_What you are asked to do_
Your task is to set down the line containing "#64=IFCINDEXEDPOLYGONALFACE((35,36,40,39));" and every later line of the entries, word for word, including the last.

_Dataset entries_
■ ■ ■

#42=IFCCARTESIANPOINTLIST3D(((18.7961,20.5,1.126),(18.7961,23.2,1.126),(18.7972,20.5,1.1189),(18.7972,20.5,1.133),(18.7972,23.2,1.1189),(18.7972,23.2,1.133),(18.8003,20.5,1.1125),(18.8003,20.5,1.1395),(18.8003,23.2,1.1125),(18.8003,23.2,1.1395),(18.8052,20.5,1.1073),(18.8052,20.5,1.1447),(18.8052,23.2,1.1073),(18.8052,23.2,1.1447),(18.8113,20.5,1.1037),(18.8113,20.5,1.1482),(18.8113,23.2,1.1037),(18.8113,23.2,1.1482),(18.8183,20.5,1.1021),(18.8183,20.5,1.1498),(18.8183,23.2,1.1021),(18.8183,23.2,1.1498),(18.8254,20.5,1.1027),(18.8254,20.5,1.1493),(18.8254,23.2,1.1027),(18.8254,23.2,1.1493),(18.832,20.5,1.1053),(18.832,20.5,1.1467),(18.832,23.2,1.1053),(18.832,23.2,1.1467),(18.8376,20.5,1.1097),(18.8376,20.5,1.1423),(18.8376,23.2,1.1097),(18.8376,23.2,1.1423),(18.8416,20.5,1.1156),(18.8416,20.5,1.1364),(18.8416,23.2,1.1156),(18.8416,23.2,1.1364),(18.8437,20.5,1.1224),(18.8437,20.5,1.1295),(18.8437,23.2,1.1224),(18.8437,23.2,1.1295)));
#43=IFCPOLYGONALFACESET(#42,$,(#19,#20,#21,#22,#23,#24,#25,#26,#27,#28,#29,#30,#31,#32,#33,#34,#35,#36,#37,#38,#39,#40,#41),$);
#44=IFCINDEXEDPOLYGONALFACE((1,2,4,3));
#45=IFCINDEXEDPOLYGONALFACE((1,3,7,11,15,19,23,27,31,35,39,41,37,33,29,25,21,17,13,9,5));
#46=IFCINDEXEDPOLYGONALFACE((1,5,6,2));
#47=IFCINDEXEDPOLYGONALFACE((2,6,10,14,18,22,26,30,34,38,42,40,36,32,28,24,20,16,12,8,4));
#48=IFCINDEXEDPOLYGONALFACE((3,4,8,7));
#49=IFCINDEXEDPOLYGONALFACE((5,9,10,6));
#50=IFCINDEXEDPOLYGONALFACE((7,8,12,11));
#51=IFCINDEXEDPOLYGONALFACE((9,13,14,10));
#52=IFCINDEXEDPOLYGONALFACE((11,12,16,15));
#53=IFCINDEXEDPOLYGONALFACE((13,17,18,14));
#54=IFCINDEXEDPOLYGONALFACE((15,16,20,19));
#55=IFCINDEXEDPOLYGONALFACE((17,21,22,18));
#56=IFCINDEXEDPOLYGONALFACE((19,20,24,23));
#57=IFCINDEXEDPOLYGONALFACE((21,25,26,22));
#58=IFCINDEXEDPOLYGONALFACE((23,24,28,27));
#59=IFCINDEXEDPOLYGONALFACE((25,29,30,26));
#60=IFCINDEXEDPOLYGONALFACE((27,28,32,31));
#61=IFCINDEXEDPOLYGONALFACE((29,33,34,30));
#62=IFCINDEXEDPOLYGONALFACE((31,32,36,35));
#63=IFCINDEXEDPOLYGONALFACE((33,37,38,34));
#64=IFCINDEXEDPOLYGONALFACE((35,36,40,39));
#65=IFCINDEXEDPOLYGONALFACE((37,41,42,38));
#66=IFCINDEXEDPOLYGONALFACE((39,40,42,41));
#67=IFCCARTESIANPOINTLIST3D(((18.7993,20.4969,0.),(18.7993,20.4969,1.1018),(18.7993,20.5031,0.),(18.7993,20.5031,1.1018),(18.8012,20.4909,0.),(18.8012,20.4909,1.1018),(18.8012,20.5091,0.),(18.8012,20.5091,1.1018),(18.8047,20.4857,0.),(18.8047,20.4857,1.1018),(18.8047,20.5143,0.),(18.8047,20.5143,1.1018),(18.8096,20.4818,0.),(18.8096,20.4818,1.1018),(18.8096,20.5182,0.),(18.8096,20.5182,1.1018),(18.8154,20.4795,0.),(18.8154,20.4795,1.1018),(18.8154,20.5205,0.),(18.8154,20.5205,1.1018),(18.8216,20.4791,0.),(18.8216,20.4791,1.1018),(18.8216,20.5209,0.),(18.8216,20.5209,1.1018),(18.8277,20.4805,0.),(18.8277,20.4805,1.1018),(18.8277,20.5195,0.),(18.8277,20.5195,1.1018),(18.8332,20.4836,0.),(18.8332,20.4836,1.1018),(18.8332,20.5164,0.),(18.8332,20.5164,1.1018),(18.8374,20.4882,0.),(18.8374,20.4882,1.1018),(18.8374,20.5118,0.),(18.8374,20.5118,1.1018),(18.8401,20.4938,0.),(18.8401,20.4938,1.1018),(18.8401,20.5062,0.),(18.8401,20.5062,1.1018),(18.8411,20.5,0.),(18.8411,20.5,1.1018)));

■ ■ ■

_Expected output_
#64=IFCINDEXEDPOLYGONALFACE((35,36,40,39));
#65=IFCINDEXEDPOLYGONALFACE((37,41,42,38));
#66=IFCINDEXEDPOLYGONALFACE((39,40,42,41));
#67=IFCCARTESIANPOINTLIST3D(((18.7993,20.4969,0.),(18.7993,20.4969,1.1018),(18.7993,20.5031,0.),(18.7993,20.5031,1.1018),(18.8012,20.4909,0.),(18.8012,20.4909,1.1018),(18.8012,20.5091,0.),(18.8012,20.5091,1.1018),(18.8047,20.4857,0.),(18.8047,20.4857,1.1018),(18.8047,20.5143,0.),(18.8047,20.5143,1.1018),(18.8096,20.4818,0.),(18.8096,20.4818,1.1018),(18.8096,20.5182,0.),(18.8096,20.5182,1.1018),(18.8154,20.4795,0.),(18.8154,20.4795,1.1018),(18.8154,20.5205,0.),(18.8154,20.5205,1.1018),(18.8216,20.4791,0.),(18.8216,20.4791,1.1018),(18.8216,20.5209,0.),(18.8216,20.5209,1.1018),(18.8277,20.4805,0.),(18.8277,20.4805,1.1018),(18.8277,20.5195,0.),(18.8277,20.5195,1.1018),(18.8332,20.4836,0.),(18.8332,20.4836,1.1018),(18.8332,20.5164,0.),(18.8332,20.5164,1.1018),(18.8374,20.4882,0.),(18.8374,20.4882,1.1018),(18.8374,20.5118,0.),(18.8374,20.5118,1.1018),(18.8401,20.4938,0.),(18.8401,20.4938,1.1018),(18.8401,20.5062,0.),(18.8401,20.5062,1.1018),(18.8411,20.5,0.),(18.8411,20.5,1.1018)));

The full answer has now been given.